Consider the entries below. Count the lines holding the string "gypsum" and state the number only.

--- Dataset Enclosed Below ---

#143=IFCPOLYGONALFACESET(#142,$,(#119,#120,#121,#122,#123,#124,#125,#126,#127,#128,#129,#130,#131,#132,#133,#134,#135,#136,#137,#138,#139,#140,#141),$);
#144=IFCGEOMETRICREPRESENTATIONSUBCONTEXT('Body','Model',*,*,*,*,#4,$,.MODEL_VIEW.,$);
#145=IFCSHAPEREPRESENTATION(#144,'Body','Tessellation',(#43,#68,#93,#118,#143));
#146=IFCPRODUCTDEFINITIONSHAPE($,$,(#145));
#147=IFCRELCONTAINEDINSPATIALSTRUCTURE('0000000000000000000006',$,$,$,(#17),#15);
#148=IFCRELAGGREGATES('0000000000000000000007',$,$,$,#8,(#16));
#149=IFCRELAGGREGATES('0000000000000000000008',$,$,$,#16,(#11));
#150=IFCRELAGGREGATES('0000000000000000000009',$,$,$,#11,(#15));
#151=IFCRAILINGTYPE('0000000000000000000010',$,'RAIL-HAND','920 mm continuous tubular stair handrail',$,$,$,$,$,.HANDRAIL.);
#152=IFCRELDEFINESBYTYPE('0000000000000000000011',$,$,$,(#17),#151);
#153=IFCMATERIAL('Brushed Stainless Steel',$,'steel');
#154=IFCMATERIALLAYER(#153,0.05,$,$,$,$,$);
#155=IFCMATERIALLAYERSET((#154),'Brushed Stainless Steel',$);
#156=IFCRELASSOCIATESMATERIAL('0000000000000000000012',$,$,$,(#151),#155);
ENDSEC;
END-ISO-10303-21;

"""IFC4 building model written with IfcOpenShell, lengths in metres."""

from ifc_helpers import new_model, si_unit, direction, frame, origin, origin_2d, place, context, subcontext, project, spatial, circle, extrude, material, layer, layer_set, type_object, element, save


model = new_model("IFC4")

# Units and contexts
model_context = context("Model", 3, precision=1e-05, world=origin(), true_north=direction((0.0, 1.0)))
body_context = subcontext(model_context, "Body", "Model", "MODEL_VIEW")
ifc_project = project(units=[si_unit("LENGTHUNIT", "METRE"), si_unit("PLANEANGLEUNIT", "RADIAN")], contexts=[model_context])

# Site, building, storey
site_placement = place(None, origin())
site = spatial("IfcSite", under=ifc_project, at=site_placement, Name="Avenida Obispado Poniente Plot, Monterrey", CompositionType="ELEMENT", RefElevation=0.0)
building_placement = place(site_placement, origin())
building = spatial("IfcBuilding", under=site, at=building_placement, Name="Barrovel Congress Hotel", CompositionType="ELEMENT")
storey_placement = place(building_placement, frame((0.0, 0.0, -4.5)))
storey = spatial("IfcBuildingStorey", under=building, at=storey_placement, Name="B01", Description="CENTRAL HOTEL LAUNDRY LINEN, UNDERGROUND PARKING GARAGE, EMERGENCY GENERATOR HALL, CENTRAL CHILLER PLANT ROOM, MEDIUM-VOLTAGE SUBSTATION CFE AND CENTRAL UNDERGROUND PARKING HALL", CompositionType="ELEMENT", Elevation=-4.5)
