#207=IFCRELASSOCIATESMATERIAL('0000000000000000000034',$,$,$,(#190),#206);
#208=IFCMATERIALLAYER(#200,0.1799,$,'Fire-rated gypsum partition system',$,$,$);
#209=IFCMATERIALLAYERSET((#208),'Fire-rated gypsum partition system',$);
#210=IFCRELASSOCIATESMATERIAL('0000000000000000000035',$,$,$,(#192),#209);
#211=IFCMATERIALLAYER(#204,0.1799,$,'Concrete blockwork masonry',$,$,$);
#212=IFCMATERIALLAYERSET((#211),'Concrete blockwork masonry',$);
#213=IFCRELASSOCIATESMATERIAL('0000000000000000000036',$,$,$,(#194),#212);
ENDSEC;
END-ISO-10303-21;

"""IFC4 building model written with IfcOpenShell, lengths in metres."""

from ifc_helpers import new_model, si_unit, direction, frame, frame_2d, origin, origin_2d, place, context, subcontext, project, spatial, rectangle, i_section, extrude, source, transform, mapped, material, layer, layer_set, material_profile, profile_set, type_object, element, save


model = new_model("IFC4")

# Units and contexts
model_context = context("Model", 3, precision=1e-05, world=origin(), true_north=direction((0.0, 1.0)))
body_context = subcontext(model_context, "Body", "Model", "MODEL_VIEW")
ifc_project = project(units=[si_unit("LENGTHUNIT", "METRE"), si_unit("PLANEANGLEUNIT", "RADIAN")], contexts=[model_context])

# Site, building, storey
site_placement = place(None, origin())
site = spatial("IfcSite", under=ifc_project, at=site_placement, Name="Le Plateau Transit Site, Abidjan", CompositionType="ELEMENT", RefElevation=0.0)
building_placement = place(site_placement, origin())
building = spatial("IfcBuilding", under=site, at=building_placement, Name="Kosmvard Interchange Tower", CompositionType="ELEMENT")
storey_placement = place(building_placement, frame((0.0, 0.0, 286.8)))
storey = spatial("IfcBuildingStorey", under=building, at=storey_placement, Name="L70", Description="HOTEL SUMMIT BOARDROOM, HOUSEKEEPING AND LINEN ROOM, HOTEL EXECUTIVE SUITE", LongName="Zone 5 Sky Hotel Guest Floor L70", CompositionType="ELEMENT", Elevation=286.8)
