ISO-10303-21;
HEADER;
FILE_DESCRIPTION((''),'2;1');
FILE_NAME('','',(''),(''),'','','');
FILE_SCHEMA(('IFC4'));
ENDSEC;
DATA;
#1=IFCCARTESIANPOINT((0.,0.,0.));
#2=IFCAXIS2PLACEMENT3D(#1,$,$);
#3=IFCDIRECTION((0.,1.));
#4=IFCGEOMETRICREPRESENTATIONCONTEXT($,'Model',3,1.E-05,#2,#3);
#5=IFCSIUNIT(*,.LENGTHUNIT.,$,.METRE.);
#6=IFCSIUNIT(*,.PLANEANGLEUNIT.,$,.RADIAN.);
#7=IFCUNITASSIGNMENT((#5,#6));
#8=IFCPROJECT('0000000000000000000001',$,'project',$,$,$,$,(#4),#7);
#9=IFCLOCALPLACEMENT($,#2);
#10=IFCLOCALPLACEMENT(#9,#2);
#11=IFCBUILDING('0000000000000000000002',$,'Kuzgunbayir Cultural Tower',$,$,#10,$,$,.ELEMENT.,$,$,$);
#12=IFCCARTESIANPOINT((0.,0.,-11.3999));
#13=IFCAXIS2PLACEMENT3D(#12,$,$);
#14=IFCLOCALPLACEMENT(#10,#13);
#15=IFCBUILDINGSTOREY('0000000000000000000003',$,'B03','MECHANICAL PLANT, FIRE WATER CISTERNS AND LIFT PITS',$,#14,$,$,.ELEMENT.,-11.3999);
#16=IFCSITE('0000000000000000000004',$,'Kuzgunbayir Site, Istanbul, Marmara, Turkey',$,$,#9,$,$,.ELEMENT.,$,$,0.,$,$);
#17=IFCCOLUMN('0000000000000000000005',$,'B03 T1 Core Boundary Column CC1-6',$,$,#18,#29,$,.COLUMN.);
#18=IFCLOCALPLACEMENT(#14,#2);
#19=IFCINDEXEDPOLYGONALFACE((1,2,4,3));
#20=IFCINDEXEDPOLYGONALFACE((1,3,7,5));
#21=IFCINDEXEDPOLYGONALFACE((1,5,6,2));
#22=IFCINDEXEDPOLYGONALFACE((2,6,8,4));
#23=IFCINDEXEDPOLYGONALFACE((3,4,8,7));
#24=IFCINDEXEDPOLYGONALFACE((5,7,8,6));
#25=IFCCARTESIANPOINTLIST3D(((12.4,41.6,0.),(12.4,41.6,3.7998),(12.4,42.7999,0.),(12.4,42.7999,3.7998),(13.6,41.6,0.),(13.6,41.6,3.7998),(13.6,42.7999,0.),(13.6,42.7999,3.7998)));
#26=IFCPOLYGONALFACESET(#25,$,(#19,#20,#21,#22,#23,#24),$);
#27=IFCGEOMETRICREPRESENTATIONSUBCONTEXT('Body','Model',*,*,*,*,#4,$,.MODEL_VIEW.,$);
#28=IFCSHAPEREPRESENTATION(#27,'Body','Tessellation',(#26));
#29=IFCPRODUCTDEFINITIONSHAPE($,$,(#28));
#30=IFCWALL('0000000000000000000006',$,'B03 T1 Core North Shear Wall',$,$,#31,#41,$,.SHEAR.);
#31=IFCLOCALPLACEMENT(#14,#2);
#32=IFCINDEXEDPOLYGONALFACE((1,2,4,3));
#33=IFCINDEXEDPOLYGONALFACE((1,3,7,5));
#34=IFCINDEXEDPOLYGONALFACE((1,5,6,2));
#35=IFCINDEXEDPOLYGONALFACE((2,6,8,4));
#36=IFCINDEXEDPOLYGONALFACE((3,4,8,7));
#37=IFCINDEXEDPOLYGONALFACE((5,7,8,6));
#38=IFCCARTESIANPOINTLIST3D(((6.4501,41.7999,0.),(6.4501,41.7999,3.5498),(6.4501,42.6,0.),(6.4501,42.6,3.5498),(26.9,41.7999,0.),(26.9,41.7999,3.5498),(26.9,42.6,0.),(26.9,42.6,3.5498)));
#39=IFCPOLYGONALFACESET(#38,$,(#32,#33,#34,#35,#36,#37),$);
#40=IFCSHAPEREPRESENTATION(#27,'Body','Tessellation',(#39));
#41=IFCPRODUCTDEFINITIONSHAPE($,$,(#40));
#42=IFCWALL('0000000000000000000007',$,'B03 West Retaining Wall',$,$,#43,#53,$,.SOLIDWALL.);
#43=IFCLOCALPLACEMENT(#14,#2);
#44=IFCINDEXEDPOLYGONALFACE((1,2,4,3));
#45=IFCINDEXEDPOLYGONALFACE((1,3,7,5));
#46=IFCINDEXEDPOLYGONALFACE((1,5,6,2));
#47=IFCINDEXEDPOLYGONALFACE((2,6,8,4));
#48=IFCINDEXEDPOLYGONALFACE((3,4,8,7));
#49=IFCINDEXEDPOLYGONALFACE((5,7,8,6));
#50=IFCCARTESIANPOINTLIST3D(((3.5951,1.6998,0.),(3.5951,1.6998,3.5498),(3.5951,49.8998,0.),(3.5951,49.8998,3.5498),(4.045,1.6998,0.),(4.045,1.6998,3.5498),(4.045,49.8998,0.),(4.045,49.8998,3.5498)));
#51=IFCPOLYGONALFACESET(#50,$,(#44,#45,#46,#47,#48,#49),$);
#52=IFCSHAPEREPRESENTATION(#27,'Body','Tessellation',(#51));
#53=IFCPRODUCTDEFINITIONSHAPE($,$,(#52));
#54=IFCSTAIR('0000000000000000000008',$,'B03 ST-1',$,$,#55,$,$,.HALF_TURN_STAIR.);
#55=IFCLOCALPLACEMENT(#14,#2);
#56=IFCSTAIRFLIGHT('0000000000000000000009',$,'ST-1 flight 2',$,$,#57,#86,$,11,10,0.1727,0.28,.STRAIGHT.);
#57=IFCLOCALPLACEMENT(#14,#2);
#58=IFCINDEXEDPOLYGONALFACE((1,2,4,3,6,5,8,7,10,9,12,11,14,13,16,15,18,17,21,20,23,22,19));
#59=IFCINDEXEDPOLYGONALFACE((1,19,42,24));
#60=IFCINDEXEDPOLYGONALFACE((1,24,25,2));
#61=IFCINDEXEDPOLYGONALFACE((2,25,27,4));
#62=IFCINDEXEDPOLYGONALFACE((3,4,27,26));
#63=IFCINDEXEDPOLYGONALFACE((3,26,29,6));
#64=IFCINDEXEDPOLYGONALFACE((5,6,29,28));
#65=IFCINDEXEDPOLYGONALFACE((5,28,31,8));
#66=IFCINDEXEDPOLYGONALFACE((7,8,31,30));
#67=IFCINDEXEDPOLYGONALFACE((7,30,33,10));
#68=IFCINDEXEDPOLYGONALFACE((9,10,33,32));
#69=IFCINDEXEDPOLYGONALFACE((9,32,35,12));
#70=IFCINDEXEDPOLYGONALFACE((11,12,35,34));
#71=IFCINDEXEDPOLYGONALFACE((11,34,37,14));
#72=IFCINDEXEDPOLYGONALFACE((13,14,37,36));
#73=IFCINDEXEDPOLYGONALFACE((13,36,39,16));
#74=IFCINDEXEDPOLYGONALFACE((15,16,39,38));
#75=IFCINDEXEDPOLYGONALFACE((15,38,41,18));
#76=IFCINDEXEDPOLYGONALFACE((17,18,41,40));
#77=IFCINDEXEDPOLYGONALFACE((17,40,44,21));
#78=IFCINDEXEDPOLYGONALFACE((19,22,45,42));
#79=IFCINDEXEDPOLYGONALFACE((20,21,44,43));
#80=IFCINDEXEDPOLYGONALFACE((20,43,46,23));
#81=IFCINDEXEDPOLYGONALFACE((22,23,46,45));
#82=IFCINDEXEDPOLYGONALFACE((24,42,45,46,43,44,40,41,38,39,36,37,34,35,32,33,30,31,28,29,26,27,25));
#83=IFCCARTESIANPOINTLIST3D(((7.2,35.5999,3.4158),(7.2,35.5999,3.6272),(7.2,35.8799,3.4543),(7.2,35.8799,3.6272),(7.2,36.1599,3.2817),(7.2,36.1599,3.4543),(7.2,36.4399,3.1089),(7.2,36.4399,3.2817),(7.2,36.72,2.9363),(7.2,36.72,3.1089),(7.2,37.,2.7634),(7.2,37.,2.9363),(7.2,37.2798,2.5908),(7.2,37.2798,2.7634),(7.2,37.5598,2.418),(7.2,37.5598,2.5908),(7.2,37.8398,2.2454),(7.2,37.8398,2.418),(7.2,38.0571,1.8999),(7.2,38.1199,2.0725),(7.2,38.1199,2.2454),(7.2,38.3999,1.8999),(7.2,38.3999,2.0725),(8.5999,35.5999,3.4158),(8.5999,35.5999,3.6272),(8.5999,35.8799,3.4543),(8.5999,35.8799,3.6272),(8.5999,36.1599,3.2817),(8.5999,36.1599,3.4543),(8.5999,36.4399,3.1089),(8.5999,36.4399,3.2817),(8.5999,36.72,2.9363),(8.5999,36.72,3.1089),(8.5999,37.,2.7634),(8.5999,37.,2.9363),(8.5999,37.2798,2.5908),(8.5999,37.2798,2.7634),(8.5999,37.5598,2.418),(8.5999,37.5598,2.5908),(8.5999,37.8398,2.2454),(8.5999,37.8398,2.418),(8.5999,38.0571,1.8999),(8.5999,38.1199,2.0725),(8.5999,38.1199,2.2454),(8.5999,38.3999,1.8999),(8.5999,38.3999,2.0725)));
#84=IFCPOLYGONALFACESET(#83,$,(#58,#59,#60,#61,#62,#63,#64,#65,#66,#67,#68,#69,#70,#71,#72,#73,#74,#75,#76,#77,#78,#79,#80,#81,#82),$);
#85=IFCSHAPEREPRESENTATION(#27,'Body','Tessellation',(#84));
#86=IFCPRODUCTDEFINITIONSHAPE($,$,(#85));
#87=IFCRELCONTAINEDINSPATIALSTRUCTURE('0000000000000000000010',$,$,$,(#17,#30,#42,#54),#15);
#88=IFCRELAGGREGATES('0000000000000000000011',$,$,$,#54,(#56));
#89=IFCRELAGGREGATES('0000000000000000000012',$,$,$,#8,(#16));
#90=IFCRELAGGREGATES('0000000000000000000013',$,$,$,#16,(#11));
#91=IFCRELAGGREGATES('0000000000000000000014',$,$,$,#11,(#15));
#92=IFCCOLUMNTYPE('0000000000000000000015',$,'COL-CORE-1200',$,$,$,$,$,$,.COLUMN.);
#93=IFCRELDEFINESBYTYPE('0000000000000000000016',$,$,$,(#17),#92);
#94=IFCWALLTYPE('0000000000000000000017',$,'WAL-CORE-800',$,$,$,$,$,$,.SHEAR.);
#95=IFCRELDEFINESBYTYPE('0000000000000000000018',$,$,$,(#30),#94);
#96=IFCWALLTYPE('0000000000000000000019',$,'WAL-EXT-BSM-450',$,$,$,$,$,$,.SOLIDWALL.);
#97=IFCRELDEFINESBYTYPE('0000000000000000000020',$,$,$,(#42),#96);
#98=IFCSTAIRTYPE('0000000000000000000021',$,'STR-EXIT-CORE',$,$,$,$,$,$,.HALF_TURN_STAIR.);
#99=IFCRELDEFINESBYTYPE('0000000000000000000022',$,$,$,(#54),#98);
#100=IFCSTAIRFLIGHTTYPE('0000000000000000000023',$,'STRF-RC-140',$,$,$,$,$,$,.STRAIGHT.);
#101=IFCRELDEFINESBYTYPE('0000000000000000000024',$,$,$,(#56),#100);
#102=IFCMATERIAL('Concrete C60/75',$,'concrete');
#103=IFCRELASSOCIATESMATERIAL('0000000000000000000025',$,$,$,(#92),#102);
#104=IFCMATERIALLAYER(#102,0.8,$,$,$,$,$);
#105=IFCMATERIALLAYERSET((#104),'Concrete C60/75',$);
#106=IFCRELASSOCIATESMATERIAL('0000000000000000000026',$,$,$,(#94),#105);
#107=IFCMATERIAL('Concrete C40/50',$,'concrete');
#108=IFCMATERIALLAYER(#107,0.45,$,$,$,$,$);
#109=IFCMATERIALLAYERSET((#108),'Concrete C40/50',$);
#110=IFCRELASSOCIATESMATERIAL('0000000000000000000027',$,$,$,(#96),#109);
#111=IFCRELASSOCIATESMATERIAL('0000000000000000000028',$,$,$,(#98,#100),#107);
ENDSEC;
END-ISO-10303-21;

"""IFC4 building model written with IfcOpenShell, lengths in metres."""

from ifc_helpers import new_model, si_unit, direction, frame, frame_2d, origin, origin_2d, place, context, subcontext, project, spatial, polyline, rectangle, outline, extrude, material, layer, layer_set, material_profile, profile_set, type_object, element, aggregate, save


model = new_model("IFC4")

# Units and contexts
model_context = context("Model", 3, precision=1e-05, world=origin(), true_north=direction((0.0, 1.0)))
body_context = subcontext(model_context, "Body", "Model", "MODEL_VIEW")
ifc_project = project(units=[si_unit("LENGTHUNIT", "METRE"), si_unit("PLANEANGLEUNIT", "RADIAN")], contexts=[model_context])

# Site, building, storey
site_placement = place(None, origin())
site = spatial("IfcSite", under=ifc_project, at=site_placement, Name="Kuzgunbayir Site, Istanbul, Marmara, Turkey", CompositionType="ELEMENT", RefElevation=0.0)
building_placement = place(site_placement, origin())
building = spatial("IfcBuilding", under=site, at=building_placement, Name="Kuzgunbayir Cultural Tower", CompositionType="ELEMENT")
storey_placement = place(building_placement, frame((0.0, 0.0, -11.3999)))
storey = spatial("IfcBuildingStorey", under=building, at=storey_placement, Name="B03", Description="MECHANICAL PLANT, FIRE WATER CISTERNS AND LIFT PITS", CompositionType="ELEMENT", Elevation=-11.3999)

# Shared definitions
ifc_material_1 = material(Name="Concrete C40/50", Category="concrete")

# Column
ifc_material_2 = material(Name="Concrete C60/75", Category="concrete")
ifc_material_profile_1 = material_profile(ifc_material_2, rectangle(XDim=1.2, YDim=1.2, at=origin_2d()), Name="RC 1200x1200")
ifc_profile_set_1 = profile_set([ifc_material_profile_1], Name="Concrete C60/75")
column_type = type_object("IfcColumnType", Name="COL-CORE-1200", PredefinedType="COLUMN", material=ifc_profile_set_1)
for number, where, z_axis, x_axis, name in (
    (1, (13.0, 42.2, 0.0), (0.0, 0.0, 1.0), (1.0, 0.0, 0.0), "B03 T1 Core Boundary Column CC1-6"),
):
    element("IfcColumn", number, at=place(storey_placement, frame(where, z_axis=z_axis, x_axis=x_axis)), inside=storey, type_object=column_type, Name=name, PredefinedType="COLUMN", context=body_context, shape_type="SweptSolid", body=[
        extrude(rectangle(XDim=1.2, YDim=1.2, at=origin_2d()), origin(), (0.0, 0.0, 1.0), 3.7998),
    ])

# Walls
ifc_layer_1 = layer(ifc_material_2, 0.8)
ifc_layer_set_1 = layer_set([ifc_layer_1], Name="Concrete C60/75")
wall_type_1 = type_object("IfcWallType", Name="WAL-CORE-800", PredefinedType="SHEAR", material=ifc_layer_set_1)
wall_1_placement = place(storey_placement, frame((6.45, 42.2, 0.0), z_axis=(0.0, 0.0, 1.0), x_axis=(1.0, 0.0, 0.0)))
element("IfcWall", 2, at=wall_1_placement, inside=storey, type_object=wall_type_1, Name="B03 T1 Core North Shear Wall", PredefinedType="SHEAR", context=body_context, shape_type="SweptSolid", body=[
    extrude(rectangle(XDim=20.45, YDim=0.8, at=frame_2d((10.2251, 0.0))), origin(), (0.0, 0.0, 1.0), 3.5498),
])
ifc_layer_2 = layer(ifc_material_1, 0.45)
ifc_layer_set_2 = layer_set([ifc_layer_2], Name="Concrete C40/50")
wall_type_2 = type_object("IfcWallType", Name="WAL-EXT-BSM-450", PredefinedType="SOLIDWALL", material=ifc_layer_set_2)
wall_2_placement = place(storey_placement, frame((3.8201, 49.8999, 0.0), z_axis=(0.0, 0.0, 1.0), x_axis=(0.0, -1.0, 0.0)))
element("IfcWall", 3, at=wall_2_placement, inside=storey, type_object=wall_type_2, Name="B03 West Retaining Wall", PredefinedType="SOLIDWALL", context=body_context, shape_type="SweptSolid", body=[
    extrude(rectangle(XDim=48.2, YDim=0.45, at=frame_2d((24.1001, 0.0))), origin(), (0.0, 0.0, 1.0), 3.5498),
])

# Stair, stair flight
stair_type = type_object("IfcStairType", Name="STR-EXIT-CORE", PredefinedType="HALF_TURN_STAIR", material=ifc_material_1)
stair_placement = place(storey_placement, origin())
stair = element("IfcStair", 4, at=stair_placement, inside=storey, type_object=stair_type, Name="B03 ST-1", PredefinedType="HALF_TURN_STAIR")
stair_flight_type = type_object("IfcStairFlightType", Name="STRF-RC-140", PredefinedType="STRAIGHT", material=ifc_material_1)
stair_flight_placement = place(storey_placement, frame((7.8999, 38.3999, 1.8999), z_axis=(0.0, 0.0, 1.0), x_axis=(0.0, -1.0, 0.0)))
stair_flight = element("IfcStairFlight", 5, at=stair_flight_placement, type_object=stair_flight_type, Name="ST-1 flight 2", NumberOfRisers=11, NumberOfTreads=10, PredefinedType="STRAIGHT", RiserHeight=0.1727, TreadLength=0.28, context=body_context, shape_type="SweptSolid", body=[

--- End of Enclosed Dataset ---

Solution to the exercise
2